» INFORMATION SUPPLIED:
***
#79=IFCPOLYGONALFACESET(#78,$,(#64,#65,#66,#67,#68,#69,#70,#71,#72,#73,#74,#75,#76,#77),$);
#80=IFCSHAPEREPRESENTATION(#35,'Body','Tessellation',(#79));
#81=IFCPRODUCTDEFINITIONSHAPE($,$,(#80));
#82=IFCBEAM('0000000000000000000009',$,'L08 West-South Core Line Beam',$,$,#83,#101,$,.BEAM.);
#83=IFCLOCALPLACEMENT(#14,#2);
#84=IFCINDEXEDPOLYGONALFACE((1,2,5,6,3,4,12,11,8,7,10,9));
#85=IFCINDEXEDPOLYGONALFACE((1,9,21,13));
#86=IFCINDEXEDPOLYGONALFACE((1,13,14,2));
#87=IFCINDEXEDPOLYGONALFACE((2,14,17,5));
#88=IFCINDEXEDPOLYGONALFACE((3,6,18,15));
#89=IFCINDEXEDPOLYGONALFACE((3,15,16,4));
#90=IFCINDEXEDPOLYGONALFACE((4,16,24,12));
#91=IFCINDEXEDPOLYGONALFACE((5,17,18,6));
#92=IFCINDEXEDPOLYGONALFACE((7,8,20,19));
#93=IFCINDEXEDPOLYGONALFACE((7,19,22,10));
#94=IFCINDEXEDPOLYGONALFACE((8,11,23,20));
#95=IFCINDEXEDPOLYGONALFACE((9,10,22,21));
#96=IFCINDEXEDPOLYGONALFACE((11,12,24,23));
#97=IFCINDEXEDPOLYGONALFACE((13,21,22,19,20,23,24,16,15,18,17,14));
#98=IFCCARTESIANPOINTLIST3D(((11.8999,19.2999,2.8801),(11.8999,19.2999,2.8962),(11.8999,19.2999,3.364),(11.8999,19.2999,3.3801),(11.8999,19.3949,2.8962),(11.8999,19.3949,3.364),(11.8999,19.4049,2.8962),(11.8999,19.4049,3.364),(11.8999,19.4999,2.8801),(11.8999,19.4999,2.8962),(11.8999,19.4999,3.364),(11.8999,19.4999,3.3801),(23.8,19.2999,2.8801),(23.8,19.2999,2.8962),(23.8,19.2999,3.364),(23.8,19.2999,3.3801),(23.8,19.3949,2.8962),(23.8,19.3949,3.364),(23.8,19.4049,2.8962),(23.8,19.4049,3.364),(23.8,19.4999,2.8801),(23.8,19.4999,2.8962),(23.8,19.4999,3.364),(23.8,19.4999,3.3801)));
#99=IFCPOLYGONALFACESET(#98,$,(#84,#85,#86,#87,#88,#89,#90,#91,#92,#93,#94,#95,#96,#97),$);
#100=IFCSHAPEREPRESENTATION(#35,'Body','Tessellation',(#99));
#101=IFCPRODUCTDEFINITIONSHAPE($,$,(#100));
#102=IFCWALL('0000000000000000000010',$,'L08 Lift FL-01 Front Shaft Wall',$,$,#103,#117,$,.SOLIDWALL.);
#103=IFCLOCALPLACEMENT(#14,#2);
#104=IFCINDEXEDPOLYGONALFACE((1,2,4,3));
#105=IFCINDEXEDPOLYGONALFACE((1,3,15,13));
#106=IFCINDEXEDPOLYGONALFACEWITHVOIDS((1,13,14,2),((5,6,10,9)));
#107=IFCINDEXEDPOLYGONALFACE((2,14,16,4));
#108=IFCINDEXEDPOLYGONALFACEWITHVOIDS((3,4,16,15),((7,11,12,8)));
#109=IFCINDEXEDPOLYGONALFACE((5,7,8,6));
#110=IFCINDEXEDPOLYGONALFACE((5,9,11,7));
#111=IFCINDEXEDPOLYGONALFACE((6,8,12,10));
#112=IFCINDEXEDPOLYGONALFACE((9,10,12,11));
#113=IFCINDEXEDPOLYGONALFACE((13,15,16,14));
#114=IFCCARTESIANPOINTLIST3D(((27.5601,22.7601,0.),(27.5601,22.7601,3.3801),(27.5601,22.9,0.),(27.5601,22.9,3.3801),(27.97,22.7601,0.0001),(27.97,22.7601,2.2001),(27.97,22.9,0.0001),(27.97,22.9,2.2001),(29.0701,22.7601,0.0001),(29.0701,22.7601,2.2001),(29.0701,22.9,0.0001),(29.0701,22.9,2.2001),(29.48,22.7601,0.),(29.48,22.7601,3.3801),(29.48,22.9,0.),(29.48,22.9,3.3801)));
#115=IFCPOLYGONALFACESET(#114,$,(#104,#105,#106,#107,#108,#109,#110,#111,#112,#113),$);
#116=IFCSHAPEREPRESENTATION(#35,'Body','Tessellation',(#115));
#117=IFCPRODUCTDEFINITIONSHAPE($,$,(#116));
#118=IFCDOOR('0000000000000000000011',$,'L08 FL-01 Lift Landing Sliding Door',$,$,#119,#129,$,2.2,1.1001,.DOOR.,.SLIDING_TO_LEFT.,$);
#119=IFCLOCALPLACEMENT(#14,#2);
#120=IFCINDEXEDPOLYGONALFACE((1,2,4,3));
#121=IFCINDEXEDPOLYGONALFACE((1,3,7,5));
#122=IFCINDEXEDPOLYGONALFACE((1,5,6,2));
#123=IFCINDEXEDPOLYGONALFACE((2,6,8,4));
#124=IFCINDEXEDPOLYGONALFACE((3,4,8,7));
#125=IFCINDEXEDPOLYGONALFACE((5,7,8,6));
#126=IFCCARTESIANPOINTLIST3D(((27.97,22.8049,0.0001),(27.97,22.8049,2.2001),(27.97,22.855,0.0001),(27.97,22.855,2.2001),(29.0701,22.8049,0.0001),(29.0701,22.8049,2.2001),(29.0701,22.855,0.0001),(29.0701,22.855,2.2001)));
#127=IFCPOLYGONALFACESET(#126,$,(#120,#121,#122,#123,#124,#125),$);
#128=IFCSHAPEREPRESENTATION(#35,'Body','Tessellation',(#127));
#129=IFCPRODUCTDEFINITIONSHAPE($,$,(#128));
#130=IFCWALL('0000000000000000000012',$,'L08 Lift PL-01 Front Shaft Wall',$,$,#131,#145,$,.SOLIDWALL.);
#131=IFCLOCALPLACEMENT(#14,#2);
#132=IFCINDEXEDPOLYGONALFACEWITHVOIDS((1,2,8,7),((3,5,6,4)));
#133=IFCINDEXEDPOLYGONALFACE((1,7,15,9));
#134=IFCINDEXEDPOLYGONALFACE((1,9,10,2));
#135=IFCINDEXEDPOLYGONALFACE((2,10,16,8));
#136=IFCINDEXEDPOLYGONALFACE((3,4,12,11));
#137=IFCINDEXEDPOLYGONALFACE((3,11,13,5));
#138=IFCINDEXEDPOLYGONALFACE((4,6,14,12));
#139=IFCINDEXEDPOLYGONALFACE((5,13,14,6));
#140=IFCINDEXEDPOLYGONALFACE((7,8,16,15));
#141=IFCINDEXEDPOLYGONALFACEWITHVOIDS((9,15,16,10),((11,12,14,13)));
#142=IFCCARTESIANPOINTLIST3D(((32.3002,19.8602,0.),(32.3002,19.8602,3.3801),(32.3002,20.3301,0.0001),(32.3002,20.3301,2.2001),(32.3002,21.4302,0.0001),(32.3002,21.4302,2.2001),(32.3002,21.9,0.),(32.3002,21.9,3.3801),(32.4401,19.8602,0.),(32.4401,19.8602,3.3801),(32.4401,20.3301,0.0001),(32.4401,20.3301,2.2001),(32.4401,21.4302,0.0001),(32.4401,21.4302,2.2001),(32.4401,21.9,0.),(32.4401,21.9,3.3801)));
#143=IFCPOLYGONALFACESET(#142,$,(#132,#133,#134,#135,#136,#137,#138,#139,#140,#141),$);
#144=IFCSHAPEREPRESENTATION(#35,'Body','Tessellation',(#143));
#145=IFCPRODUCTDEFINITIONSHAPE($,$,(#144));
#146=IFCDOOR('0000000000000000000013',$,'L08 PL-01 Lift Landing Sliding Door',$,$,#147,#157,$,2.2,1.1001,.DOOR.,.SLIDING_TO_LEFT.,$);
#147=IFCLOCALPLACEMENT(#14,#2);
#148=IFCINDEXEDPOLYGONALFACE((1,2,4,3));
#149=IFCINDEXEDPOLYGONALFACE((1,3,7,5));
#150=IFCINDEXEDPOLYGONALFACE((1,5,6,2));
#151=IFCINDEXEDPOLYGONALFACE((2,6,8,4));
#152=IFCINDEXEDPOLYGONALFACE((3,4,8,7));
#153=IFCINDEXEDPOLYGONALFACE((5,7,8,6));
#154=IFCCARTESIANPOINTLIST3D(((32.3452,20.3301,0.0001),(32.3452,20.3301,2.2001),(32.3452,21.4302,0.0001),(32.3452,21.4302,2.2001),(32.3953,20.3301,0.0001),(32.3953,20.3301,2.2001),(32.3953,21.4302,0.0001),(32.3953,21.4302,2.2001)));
***
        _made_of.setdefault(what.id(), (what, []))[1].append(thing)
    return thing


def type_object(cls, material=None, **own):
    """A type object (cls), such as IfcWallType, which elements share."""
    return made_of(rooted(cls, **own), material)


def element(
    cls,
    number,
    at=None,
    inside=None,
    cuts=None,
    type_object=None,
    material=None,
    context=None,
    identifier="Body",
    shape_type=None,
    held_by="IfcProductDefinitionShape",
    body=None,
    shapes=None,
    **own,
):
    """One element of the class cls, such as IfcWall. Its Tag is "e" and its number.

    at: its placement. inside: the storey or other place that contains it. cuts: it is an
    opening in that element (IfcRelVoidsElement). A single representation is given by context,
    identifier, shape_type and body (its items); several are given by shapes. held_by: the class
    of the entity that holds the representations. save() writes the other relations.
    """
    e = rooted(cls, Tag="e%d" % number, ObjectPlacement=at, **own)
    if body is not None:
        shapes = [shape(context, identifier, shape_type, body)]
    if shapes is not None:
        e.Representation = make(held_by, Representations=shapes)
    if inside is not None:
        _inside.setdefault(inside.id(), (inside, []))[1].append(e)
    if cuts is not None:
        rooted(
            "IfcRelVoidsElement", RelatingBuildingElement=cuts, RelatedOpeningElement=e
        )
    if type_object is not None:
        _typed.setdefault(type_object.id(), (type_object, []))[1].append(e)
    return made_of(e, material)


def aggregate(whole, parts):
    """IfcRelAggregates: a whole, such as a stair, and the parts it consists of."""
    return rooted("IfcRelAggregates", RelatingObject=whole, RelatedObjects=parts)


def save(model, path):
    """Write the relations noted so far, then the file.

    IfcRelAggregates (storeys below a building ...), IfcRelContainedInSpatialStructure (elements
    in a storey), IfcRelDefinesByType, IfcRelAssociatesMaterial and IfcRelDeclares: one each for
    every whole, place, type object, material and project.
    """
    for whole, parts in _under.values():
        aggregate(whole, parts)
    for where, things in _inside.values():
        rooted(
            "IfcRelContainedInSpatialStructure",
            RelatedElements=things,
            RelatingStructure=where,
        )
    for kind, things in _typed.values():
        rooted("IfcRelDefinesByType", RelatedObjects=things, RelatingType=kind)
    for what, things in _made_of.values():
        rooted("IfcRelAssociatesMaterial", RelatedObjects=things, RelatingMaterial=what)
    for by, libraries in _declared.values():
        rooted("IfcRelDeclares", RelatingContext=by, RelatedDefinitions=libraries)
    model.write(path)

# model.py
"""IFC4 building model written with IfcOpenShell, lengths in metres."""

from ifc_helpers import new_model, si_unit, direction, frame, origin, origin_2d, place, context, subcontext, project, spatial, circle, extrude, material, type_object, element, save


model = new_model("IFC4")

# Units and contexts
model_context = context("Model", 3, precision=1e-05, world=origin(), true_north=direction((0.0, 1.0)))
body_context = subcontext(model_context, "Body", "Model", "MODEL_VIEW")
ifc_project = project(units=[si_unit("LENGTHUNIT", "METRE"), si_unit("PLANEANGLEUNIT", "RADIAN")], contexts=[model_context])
***
The answer must be a single number: the count of lines in the listing that hold the string "origin".

2